Using the records below, count the lines with "IFCBEAM" in them. Give the number only.

Data records
*** Block opens ***

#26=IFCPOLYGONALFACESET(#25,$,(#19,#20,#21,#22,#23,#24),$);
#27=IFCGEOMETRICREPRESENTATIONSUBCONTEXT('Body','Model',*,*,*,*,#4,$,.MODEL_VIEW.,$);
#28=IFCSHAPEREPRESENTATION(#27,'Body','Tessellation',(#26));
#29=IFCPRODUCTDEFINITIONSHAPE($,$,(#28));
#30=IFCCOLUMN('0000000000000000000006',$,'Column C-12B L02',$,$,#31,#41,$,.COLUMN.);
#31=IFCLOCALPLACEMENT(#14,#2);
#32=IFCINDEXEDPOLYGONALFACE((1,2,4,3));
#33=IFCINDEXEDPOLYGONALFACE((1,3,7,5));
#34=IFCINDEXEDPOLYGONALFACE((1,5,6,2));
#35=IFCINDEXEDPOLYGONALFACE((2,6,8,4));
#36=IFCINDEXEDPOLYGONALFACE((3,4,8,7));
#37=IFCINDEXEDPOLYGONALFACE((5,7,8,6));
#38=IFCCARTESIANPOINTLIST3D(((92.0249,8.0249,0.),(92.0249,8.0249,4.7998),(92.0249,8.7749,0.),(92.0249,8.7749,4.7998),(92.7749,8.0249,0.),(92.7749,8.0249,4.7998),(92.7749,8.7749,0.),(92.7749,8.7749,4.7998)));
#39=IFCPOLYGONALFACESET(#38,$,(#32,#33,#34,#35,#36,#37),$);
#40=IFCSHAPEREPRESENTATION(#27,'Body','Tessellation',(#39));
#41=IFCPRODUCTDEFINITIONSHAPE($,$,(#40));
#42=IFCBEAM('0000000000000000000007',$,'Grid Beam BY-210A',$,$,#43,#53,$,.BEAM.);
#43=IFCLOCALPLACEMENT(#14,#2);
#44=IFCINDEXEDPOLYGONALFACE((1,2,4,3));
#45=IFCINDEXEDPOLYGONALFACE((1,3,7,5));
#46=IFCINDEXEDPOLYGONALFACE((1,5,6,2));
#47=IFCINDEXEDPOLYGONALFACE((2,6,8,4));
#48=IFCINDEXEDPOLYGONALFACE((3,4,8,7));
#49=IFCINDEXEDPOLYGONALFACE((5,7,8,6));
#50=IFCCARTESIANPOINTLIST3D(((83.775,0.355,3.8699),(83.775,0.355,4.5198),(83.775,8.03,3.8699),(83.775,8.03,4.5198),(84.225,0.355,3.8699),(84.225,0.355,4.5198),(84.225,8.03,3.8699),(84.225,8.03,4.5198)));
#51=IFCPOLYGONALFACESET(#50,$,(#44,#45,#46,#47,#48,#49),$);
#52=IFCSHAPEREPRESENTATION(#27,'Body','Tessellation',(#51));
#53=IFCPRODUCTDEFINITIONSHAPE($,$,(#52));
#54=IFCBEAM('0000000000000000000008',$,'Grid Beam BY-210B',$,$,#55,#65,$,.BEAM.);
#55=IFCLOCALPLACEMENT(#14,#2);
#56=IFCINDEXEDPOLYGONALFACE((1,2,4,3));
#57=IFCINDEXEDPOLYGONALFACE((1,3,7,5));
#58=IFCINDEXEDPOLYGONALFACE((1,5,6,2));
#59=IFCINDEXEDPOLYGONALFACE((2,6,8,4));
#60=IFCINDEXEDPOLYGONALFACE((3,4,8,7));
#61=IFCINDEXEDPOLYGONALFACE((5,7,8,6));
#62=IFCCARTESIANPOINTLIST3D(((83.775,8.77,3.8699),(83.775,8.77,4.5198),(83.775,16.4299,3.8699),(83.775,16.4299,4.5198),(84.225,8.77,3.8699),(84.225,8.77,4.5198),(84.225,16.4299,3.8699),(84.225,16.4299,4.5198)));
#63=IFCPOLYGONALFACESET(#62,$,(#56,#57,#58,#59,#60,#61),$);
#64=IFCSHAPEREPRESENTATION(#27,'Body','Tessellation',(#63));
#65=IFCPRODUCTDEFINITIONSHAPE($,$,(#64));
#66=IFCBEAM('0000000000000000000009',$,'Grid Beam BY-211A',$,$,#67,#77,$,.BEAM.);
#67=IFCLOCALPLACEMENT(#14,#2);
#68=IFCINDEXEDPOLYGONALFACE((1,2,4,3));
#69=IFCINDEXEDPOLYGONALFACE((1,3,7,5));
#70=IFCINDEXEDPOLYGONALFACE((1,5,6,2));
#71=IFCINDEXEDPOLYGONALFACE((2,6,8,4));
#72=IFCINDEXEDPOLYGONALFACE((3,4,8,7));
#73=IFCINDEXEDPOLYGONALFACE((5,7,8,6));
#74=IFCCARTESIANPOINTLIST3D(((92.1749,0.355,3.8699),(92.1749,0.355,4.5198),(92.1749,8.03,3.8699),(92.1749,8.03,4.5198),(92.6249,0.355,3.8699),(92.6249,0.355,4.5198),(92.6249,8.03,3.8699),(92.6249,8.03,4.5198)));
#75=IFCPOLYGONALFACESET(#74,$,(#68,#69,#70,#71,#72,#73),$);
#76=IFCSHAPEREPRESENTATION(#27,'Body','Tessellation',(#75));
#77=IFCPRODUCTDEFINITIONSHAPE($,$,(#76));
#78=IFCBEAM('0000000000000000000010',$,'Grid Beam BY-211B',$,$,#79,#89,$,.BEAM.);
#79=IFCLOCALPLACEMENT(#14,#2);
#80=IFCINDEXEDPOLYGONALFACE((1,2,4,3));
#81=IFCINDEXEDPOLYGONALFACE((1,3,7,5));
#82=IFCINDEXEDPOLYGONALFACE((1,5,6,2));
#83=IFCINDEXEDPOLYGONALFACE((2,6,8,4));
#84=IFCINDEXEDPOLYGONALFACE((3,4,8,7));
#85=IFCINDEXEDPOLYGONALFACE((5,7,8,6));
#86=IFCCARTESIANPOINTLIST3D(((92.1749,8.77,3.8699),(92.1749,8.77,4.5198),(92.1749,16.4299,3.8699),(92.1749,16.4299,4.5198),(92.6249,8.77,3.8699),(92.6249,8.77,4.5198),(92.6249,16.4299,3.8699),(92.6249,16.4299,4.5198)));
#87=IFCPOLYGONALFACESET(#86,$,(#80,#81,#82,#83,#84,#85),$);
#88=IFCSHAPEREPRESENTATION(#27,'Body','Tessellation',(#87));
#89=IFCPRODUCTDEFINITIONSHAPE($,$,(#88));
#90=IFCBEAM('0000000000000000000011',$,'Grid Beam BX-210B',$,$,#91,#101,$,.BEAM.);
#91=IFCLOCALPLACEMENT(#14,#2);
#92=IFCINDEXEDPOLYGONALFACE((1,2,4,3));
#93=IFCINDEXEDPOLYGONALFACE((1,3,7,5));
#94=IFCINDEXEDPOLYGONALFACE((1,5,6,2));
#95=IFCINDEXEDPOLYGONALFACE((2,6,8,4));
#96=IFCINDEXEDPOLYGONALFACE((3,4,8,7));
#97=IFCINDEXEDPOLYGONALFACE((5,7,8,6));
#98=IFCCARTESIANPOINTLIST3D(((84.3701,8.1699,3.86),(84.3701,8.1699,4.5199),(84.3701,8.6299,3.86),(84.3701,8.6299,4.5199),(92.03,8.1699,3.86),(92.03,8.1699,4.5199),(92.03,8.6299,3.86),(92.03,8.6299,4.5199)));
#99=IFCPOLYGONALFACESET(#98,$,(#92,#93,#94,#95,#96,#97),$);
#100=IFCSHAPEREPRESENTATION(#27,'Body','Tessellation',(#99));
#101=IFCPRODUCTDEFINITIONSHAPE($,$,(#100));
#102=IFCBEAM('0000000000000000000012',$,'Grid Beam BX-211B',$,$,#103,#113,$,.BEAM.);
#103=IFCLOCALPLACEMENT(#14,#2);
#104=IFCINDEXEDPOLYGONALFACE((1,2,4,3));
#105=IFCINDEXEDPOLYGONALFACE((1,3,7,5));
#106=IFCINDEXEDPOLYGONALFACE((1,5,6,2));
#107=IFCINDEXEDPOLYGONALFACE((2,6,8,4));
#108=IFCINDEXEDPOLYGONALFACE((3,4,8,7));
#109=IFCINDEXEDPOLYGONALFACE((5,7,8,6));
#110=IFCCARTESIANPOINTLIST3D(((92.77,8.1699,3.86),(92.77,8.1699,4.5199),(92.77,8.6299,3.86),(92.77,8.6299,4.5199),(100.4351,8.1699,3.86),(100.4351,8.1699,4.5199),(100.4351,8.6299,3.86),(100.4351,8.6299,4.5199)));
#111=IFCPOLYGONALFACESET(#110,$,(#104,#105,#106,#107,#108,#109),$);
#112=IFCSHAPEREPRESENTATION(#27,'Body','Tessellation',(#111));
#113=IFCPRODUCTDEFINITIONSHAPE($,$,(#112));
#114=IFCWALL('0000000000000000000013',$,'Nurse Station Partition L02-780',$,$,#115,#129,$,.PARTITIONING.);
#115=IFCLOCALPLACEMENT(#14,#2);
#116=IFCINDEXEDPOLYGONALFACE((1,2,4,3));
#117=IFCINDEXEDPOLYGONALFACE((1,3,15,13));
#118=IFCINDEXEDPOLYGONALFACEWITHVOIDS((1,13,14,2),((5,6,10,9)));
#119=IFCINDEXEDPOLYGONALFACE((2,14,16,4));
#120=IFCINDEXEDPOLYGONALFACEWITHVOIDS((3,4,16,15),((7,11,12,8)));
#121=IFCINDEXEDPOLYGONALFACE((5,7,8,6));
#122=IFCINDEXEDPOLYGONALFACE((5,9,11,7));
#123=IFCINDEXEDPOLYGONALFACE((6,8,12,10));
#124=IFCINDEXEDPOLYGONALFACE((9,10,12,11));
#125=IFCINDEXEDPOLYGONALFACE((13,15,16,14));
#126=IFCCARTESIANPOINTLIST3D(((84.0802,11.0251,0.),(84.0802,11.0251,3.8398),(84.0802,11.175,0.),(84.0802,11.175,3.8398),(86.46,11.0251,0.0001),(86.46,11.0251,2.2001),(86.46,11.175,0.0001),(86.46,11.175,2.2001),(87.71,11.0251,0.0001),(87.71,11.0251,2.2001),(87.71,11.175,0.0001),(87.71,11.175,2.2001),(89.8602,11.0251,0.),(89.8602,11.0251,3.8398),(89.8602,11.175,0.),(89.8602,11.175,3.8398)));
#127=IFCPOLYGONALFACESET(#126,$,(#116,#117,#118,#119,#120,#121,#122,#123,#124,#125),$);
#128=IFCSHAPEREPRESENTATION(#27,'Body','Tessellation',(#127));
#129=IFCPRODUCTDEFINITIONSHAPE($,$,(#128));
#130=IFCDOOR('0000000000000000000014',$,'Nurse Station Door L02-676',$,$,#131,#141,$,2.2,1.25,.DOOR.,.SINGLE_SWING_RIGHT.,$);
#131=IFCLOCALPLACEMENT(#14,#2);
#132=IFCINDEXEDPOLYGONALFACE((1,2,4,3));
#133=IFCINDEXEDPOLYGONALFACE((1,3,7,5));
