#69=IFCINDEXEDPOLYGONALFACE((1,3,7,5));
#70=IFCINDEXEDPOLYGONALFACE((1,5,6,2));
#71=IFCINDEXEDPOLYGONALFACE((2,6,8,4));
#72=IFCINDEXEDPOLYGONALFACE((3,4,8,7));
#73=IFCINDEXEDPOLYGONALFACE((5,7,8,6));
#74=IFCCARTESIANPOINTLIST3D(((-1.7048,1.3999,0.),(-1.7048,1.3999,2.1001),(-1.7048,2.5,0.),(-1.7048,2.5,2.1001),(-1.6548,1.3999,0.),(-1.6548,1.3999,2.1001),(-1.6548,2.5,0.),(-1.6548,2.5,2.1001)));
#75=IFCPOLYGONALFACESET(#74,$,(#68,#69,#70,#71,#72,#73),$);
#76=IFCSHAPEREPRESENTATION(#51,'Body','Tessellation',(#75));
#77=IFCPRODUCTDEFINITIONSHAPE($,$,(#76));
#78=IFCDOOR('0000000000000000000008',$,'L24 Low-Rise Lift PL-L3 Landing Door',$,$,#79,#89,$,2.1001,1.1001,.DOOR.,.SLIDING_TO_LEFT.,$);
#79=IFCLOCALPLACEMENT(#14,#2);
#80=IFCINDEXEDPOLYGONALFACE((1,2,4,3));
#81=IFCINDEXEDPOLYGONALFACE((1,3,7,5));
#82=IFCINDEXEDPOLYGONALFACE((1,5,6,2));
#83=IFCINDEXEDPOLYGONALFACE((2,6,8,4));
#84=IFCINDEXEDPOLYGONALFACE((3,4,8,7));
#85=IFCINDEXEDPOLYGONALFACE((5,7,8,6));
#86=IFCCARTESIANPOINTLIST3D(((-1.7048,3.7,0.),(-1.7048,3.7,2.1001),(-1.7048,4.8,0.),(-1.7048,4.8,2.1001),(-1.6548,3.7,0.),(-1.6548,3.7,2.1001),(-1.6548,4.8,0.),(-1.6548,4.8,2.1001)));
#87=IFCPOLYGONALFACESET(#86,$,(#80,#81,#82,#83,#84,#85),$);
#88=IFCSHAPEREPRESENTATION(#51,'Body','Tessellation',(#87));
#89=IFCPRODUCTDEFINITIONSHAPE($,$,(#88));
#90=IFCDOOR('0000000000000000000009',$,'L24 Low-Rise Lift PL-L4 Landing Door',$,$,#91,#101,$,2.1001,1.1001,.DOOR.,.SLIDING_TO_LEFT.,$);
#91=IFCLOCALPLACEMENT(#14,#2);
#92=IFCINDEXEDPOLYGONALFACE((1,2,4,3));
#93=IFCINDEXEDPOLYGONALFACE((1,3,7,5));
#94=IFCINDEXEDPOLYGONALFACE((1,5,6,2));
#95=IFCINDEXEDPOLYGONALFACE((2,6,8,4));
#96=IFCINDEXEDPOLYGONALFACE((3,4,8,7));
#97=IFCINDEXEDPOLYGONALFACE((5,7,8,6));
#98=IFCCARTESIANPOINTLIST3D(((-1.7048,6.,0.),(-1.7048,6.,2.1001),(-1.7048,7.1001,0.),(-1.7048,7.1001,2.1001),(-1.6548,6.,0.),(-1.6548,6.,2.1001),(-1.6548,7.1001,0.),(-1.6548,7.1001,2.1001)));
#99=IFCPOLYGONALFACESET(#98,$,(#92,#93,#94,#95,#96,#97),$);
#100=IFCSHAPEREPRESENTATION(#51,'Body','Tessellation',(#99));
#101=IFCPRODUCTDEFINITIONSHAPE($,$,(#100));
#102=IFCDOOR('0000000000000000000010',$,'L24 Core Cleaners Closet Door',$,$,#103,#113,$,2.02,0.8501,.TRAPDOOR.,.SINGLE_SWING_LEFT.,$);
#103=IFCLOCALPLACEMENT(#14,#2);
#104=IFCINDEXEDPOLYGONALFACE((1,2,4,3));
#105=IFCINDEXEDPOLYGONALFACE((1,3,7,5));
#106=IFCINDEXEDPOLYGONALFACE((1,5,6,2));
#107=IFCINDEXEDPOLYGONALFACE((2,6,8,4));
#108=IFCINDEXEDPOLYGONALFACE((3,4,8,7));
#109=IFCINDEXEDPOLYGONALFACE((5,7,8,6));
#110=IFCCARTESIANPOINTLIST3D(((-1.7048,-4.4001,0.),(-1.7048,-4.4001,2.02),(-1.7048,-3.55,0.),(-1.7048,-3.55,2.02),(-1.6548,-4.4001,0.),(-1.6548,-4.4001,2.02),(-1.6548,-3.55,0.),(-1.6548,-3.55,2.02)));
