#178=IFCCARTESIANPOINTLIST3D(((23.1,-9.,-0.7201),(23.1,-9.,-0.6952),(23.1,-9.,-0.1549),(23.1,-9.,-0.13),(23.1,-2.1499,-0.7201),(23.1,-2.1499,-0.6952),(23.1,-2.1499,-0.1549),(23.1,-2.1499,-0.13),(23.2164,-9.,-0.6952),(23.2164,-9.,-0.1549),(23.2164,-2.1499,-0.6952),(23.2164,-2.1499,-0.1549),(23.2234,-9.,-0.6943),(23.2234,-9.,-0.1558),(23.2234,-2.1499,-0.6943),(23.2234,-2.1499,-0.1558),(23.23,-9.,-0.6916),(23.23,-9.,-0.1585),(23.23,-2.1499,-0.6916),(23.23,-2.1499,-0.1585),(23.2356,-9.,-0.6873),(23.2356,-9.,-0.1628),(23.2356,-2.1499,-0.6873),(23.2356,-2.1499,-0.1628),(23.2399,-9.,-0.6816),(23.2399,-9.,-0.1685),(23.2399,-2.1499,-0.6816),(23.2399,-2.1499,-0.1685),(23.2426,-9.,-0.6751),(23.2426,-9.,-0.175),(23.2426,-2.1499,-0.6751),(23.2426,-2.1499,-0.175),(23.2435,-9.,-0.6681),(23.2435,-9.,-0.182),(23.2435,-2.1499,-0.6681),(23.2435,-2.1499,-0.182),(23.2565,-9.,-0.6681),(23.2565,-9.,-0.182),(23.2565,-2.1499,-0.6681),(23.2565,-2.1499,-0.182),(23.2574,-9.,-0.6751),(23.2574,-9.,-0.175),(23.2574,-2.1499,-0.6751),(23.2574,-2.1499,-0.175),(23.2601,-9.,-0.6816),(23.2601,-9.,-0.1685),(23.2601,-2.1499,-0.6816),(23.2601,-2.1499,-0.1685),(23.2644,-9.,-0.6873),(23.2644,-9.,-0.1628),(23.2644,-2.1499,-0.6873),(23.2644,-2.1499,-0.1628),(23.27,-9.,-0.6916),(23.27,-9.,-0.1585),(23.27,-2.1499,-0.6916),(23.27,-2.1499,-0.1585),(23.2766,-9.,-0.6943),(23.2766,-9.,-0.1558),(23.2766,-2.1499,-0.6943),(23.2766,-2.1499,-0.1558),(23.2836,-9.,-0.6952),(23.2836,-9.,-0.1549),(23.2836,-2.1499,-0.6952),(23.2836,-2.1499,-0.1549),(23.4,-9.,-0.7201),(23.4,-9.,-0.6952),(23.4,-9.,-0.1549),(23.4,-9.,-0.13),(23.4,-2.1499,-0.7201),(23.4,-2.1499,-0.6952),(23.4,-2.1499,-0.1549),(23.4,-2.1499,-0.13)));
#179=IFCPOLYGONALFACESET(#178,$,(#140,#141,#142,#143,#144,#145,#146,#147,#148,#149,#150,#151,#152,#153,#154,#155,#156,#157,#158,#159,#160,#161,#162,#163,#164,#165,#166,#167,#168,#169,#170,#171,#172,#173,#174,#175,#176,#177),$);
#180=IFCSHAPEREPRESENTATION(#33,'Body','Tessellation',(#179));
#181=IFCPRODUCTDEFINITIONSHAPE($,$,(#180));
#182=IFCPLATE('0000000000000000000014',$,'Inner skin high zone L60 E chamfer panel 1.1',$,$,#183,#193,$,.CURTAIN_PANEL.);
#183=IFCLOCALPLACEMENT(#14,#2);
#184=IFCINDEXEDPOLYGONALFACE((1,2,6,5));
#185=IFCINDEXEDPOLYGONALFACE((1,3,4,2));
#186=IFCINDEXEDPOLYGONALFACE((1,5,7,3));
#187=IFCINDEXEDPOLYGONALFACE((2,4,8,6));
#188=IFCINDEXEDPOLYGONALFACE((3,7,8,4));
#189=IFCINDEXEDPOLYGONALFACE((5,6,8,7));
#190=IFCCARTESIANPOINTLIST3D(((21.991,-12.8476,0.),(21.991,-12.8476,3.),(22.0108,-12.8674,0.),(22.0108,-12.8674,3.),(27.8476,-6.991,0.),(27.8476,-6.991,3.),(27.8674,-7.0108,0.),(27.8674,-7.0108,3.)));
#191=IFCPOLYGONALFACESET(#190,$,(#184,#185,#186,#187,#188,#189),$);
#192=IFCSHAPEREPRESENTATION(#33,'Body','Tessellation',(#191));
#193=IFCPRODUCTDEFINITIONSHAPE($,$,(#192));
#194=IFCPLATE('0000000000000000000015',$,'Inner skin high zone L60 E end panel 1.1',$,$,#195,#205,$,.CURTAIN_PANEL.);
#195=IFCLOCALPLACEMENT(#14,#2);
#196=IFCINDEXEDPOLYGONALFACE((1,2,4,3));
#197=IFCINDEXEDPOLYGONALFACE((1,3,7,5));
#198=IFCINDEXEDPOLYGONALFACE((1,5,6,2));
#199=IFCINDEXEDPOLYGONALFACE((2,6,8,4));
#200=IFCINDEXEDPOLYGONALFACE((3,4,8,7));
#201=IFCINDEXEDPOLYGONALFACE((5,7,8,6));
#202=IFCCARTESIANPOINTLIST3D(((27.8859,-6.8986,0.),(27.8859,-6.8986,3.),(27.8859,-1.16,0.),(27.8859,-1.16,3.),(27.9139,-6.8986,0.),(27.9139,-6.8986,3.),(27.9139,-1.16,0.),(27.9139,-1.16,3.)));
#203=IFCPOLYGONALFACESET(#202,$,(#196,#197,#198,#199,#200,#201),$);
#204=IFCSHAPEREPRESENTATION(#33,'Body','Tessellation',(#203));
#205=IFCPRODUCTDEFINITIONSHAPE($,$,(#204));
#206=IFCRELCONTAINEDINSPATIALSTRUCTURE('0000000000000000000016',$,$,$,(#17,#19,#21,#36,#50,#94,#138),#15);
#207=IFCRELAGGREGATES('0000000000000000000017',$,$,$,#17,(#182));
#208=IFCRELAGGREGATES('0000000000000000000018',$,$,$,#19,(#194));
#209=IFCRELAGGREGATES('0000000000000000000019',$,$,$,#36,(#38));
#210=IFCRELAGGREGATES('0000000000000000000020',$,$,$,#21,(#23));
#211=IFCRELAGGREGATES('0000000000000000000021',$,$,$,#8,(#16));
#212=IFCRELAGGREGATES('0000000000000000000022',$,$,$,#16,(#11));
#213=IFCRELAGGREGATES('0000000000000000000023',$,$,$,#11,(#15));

*** Block closes ***

▸ SOLUTION FOR THIS PROBLEM
6